Every line of the records below should be restated exactly.

# Data for analysis:
○ ○ ○ ○ ○
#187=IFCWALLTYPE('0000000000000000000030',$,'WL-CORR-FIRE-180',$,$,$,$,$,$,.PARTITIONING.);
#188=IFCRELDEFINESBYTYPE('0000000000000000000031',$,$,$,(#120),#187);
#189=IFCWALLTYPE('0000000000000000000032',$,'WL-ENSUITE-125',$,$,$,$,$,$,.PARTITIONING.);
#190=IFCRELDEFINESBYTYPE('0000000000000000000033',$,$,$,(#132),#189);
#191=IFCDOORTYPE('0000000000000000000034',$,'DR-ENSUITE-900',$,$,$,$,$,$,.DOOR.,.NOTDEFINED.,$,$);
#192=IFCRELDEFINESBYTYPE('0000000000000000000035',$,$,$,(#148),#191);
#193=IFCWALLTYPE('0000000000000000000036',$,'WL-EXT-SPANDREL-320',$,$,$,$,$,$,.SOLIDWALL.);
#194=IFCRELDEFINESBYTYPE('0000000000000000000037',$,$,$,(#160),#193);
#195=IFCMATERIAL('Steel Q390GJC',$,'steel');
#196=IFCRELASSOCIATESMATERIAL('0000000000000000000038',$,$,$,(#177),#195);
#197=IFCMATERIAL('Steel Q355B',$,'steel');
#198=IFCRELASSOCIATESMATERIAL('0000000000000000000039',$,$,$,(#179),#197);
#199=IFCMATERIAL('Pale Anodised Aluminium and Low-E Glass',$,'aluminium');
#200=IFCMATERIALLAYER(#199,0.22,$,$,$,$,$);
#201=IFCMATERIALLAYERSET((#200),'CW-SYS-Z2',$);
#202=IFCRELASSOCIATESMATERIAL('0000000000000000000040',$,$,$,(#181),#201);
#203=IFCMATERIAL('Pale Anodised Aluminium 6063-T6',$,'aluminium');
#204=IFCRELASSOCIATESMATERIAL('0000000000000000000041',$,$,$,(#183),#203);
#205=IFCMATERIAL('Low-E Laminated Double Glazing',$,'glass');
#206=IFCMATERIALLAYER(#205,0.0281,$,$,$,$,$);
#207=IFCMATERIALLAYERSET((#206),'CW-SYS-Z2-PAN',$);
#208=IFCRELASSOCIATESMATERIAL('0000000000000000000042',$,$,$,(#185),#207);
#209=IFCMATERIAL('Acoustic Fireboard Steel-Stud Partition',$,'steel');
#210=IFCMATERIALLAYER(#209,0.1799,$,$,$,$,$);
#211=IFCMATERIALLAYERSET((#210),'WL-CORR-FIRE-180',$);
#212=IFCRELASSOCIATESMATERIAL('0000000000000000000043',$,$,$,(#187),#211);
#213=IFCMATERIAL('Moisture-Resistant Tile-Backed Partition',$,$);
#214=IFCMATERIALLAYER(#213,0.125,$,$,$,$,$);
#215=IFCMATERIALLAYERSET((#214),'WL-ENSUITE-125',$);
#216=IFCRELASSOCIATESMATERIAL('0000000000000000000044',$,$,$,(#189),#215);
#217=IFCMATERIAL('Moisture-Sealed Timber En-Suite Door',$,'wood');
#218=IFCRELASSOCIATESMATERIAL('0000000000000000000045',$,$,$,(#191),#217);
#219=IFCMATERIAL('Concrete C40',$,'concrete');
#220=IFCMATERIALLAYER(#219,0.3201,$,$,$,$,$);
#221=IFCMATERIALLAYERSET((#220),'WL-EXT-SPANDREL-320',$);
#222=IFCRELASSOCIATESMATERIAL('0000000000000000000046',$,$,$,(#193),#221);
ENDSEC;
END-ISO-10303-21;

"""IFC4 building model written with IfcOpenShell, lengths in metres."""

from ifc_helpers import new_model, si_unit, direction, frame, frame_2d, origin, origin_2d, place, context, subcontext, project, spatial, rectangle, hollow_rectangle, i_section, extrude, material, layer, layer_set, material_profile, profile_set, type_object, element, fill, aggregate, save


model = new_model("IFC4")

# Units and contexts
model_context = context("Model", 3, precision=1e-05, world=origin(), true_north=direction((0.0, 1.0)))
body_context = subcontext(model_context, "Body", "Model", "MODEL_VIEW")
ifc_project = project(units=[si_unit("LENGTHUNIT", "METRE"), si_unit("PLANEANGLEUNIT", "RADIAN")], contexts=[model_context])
○ ○ ○ ○ ○
# Task output:
#187=IFCWALLTYPE('0000000000000000000030',$,'WL-CORR-FIRE-180',$,$,$,$,$,$,.PARTITIONING.);
#188=IFCRELDEFINESBYTYPE('0000000000000000000031',$,$,$,(#120),#187);
#189=IFCWALLTYPE('0000000000000000000032',$,'WL-ENSUITE-125',$,$,$,$,$,$,.PARTITIONING.);
#190=IFCRELDEFINESBYTYPE('0000000000000000000033',$,$,$,(#132),#189);
#191=IFCDOORTYPE('0000000000000000000034',$,'DR-ENSUITE-900',$,$,$,$,$,$,.DOOR.,.NOTDEFINED.,$,$);
#192=IFCRELDEFINESBYTYPE('0000000000000000000035',$,$,$,(#148),#191);
#193=IFCWALLTYPE('0000000000000000000036',$,'WL-EXT-SPANDREL-320',$,$,$,$,$,$,.SOLIDWALL.);
#194=IFCRELDEFINESBYTYPE('0000000000000000000037',$,$,$,(#160),#193);
#195=IFCMATERIAL('Steel Q390GJC',$,'steel');
#196=IFCRELASSOCIATESMATERIAL('0000000000000000000038',$,$,$,(#177),#195);
#197=IFCMATERIAL('Steel Q355B',$,'steel');
#198=IFCRELASSOCIATESMATERIAL('0000000000000000000039',$,$,$,(#179),#197);
#199=IFCMATERIAL('Pale Anodised Aluminium and Low-E Glass',$,'aluminium');
#200=IFCMATERIALLAYER(#199,0.22,$,$,$,$,$);
#201=IFCMATERIALLAYERSET((#200),'CW-SYS-Z2',$);
#202=IFCRELASSOCIATESMATERIAL('0000000000000000000040',$,$,$,(#181),#201);
#203=IFCMATERIAL('Pale Anodised Aluminium 6063-T6',$,'aluminium');
#204=IFCRELASSOCIATESMATERIAL('0000000000000000000041',$,$,$,(#183),#203);
#205=IFCMATERIAL('Low-E Laminated Double Glazing',$,'glass');
#206=IFCMATERIALLAYER(#205,0.0281,$,$,$,$,$);
#207=IFCMATERIALLAYERSET((#206),'CW-SYS-Z2-PAN',$);
#208=IFCRELASSOCIATESMATERIAL('0000000000000000000042',$,$,$,(#185),#207);
#209=IFCMATERIAL('Acoustic Fireboard Steel-Stud Partition',$,'steel');
#210=IFCMATERIALLAYER(#209,0.1799,$,$,$,$,$);
#211=IFCMATERIALLAYERSET((#210),'WL-CORR-FIRE-180',$);
#212=IFCRELASSOCIATESMATERIAL('0000000000000000000043',$,$,$,(#187),#211);
#213=IFCMATERIAL('Moisture-Resistant Tile-Backed Partition',$,$);
#214=IFCMATERIALLAYER(#213,0.125,$,$,$,$,$);
#215=IFCMATERIALLAYERSET((#214),'WL-ENSUITE-125',$);
#216=IFCRELASSOCIATESMATERIAL('0000000000000000000044',$,$,$,(#189),#215);
#217=IFCMATERIAL('Moisture-Sealed Timber En-Suite Door',$,'wood');
#218=IFCRELASSOCIATESMATERIAL('0000000000000000000045',$,$,$,(#191),#217);
#219=IFCMATERIAL('Concrete C40',$,'concrete');
#220=IFCMATERIALLAYER(#219,0.3201,$,$,$,$,$);
#221=IFCMATERIALLAYERSET((#220),'WL-EXT-SPANDREL-320',$);
#222=IFCRELASSOCIATESMATERIAL('0000000000000000000046',$,$,$,(#193),#221);
ENDSEC;
END-ISO-10303-21;

"""IFC4 building model written with IfcOpenShell, lengths in metres."""

from ifc_helpers import new_model, si_unit, direction, frame, frame_2d, origin, origin_2d, place, context, subcontext, project, spatial, rectangle, hollow_rectangle, i_section, extrude, material, layer, layer_set, material_profile, profile_set, type_object, element, fill, aggregate, save


model = new_model("IFC4")

# Units and contexts
model_context = context("Model", 3, precision=1e-05, world=origin(), true_north=direction((0.0, 1.0)))
body_context = subcontext(model_context, "Body", "Model", "MODEL_VIEW")
ifc_project = project(units=[si_unit("LENGTHUNIT", "METRE"), si_unit("PLANEANGLEUNIT", "RADIAN")], contexts=[model_context])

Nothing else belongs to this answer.